Problem to solve. In the entries that follow, the lines from the one with "#76=IFCINDEXEDPOLYGONALFACE((17,21,23,19));" through the one with "#80=IFCINDEXEDPOLYGONALFACE((25,29,31,27));" are the ones to write out, exactly and with both ends included. Nothing else should appear.

** Opening Given data block **

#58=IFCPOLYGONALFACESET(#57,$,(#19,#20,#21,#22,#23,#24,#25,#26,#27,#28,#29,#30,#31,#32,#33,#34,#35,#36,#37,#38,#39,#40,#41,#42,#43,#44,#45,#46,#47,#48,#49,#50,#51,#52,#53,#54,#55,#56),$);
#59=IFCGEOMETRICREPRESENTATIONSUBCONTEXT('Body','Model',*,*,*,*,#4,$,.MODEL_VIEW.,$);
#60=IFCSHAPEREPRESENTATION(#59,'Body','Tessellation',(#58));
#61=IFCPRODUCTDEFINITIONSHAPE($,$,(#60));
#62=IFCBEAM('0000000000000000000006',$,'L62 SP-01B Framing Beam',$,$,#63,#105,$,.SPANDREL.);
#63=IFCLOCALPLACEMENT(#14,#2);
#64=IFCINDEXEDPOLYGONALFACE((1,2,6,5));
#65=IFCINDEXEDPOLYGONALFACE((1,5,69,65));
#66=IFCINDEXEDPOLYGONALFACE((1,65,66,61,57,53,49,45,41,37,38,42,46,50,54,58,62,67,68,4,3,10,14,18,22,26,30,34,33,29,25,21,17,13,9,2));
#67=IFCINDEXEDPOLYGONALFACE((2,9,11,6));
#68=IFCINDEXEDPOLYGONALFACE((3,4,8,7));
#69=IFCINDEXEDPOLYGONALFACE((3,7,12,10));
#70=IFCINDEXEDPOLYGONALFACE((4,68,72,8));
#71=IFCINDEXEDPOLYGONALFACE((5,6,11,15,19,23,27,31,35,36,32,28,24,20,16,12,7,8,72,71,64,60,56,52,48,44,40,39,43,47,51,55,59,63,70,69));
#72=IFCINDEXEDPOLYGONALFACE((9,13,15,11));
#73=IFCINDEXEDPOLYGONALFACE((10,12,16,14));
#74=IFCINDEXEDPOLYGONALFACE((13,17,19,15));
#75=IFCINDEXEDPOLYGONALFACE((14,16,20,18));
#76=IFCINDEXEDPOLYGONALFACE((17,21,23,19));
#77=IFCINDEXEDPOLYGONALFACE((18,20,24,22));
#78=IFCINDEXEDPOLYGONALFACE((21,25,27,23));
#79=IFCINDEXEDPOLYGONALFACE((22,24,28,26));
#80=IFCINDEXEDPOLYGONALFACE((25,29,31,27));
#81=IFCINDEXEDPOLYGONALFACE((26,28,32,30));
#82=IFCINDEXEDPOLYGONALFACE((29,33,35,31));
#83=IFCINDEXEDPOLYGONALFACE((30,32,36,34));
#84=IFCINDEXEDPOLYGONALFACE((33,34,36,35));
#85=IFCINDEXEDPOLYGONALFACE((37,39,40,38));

** Closing Given data block **

Result of the task.
#76=IFCINDEXEDPOLYGONALFACE((17,21,23,19));
#77=IFCINDEXEDPOLYGONALFACE((18,20,24,22));
#78=IFCINDEXEDPOLYGONALFACE((21,25,27,23));
#79=IFCINDEXEDPOLYGONALFACE((22,24,28,26));
#80=IFCINDEXEDPOLYGONALFACE((25,29,31,27));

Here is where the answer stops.